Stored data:
--------------------------------

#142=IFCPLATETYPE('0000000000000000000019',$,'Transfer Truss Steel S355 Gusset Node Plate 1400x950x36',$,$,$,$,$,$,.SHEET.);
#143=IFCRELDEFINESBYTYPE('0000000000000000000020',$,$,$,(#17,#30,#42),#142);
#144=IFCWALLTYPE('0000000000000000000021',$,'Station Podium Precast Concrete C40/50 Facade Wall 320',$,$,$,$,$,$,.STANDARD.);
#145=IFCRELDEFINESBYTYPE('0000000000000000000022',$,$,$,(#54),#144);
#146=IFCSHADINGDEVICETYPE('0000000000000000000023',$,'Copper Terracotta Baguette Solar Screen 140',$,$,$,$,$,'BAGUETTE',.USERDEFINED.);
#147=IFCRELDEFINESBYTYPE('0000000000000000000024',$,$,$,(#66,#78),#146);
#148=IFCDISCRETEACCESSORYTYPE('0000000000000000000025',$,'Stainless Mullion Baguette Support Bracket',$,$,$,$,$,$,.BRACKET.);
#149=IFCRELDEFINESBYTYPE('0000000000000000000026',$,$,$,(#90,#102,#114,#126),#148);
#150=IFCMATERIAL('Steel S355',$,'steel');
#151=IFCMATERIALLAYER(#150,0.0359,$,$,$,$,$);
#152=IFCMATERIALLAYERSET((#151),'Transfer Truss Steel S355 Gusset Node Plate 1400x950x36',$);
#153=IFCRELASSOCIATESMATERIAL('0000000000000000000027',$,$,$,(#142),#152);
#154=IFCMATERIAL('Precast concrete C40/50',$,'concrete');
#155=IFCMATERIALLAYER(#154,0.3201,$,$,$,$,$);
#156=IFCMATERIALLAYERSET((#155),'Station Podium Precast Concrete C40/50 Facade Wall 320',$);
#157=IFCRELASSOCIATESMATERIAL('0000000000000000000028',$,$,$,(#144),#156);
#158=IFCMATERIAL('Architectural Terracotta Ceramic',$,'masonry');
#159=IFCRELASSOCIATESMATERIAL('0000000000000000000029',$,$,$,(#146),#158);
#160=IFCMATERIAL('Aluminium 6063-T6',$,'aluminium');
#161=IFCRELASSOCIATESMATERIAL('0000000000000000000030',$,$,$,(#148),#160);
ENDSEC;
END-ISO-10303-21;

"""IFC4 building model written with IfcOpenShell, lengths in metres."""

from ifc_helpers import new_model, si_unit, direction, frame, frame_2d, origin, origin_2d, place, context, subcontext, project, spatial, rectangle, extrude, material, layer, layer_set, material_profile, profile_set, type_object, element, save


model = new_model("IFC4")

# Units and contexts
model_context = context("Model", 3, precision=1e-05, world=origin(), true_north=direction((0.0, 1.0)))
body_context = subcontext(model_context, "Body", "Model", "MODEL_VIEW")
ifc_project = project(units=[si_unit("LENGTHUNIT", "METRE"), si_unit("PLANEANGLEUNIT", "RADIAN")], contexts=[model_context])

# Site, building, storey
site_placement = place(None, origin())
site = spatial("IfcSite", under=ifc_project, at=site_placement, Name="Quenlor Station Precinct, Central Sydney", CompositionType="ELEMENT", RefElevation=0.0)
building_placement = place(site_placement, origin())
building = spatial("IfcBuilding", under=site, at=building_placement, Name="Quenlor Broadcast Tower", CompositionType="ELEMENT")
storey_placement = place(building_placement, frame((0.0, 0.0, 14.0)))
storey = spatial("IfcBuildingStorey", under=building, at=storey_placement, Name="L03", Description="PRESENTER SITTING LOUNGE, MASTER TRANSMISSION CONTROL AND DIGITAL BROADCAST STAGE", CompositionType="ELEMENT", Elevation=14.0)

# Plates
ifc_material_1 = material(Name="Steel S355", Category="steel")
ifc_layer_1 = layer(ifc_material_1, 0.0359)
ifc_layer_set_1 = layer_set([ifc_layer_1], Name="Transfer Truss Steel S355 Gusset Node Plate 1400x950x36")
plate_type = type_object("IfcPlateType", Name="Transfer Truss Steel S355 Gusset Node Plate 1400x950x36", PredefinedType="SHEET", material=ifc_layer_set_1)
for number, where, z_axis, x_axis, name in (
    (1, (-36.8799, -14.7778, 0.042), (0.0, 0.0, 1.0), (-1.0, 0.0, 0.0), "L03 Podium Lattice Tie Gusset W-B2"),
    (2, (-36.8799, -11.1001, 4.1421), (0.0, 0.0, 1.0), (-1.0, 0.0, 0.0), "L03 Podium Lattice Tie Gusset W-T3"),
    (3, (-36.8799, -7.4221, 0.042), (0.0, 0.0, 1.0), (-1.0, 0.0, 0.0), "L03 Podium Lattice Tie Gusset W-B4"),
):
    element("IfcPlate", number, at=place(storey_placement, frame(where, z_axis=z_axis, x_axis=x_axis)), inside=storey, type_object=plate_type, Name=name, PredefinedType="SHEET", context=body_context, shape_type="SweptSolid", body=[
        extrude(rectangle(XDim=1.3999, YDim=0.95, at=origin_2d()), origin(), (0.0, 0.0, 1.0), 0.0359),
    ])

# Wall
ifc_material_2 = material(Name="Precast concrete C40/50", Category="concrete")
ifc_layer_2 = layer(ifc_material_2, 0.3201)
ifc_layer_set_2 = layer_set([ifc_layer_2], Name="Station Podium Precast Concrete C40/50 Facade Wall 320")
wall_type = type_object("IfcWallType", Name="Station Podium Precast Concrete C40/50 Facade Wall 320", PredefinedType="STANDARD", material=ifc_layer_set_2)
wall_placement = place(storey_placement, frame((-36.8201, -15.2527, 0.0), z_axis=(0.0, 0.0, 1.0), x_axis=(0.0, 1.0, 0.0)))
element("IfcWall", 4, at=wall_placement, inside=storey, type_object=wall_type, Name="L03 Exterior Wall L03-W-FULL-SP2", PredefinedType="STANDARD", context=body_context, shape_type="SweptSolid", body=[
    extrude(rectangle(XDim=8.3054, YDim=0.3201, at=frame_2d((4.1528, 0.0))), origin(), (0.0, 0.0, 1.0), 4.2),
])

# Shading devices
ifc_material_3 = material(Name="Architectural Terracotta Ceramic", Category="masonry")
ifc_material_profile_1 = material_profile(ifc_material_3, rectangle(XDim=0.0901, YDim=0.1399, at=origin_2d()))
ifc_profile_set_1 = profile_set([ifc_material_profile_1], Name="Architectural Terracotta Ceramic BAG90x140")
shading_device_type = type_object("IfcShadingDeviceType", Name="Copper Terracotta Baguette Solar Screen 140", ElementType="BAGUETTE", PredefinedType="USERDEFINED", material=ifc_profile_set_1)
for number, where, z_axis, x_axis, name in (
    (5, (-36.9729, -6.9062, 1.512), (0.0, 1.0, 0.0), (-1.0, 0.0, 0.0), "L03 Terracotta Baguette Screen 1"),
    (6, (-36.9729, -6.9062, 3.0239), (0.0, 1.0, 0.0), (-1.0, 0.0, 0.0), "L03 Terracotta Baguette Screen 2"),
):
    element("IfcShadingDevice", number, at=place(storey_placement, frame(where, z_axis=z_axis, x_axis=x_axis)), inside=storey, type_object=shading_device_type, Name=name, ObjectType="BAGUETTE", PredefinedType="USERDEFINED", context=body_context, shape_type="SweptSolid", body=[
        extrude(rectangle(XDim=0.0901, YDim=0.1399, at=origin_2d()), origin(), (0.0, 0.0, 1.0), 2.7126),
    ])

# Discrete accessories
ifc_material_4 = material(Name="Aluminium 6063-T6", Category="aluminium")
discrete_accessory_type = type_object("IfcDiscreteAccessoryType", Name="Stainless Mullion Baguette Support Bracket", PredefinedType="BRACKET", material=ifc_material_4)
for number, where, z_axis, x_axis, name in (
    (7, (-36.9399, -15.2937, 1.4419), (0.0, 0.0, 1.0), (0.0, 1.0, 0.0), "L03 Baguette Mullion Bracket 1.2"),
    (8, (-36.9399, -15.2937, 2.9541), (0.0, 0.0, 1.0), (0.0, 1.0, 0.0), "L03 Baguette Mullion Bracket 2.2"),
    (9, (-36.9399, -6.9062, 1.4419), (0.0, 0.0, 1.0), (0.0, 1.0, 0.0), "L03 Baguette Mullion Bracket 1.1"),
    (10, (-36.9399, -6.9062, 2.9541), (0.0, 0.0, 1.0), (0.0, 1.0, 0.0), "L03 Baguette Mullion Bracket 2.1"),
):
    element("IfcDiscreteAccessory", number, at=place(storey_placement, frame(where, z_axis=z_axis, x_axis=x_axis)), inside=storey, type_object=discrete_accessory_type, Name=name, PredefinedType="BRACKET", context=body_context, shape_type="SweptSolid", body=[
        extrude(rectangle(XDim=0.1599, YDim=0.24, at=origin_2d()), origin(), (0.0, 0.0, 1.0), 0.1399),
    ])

--------------------------------

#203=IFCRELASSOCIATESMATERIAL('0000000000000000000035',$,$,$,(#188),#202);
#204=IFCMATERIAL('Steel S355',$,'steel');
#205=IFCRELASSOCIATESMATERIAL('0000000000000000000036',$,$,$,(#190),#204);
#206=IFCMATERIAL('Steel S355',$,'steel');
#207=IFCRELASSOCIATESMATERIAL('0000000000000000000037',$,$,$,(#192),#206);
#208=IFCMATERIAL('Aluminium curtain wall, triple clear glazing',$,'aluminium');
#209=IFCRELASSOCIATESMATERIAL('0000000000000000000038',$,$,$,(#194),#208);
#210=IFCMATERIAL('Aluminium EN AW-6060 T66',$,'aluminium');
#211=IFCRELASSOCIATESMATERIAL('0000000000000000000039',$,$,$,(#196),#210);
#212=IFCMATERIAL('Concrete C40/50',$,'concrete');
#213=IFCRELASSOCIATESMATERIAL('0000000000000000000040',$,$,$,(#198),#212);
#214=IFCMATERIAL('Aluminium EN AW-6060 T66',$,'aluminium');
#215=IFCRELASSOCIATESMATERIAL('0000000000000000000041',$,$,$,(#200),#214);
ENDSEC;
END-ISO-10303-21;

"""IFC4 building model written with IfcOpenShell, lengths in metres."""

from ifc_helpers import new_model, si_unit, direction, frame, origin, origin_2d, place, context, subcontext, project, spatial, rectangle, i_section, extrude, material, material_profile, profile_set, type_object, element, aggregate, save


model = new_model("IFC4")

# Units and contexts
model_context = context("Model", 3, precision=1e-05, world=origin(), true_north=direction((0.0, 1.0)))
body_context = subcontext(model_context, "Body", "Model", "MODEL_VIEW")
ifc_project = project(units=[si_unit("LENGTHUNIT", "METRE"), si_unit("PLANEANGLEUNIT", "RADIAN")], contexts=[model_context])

--------------------------------

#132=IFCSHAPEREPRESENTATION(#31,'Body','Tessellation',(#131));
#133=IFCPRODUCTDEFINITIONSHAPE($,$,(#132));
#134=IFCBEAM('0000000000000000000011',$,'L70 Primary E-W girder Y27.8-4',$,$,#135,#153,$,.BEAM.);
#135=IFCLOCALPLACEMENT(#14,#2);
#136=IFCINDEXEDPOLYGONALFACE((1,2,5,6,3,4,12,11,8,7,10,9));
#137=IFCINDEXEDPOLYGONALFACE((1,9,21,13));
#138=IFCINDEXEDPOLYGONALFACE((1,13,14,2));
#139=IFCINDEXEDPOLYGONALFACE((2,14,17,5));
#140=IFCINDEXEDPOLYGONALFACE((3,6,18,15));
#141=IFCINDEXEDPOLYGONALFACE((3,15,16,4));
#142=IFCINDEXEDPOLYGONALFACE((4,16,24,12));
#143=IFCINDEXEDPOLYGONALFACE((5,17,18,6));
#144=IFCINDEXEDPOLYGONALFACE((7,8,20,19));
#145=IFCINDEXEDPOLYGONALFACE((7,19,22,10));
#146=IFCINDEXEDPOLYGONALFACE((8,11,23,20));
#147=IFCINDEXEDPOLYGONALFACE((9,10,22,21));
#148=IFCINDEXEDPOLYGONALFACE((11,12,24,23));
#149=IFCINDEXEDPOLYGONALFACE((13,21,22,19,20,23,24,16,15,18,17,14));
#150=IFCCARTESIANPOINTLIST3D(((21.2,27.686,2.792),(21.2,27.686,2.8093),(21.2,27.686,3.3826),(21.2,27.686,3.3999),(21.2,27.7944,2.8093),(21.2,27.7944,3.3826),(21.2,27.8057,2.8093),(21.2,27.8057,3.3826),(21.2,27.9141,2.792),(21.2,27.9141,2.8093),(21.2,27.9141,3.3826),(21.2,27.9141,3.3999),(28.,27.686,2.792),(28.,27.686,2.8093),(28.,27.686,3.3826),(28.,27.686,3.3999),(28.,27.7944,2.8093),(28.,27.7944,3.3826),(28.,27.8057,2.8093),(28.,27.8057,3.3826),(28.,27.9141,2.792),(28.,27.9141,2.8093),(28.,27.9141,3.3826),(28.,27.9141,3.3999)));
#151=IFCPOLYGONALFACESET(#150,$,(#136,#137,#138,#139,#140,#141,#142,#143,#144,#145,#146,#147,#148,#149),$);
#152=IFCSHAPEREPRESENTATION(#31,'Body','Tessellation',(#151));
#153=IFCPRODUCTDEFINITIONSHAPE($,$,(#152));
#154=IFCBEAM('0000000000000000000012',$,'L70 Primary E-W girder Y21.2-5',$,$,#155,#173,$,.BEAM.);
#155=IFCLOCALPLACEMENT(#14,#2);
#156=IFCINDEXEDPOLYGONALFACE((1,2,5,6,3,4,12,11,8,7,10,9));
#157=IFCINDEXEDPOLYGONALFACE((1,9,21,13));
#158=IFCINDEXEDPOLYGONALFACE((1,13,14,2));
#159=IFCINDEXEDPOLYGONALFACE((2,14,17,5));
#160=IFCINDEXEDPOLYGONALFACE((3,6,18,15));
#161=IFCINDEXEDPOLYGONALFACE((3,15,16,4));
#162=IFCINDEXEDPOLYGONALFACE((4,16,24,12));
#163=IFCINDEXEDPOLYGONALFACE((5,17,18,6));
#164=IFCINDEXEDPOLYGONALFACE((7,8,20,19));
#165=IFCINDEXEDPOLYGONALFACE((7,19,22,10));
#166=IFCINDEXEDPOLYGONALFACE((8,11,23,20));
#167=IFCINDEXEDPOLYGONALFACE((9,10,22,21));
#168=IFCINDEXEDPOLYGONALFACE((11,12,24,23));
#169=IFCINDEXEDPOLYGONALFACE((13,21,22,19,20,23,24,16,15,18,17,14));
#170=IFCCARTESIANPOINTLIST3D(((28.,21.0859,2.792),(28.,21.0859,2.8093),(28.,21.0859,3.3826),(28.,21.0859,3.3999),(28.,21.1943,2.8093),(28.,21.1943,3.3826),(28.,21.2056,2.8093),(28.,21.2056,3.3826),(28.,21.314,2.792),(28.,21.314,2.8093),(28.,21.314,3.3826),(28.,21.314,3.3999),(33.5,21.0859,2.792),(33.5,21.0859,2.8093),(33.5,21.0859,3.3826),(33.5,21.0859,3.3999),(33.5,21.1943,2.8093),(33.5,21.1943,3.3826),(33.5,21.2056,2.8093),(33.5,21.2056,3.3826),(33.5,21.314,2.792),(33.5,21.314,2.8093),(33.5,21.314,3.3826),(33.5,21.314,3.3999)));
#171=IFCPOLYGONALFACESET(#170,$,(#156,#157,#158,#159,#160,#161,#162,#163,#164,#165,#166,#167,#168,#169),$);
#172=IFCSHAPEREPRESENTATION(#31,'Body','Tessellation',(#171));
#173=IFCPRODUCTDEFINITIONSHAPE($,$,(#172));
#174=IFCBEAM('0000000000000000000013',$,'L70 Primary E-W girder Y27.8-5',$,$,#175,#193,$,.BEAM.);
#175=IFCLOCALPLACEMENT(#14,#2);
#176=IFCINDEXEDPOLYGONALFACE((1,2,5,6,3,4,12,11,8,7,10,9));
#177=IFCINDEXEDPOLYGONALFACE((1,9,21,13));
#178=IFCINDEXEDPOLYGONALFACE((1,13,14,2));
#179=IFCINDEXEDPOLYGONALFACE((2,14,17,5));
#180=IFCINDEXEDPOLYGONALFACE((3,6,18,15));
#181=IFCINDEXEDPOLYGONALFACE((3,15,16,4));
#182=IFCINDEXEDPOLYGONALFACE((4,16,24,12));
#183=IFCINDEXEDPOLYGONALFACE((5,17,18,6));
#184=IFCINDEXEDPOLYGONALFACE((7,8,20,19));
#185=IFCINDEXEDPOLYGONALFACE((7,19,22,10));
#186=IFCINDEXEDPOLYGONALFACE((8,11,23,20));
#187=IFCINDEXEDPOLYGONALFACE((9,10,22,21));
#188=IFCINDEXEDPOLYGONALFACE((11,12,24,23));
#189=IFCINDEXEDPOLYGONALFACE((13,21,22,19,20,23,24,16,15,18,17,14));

--------------------------------

▶ **Task objective**:
For each line of the data that includes the word "Primary", return a copy of it.

▶ **Reply to the task**:
#134=IFCBEAM('0000000000000000000011',$,'L70 Primary E-W girder Y27.8-4',$,$,#135,#153,$,.BEAM.);
#154=IFCBEAM('0000000000000000000012',$,'L70 Primary E-W girder Y21.2-5',$,$,#155,#173,$,.BEAM.);
#174=IFCBEAM('0000000000000000000013',$,'L70 Primary E-W girder Y27.8-5',$,$,#175,#193,$,.BEAM.);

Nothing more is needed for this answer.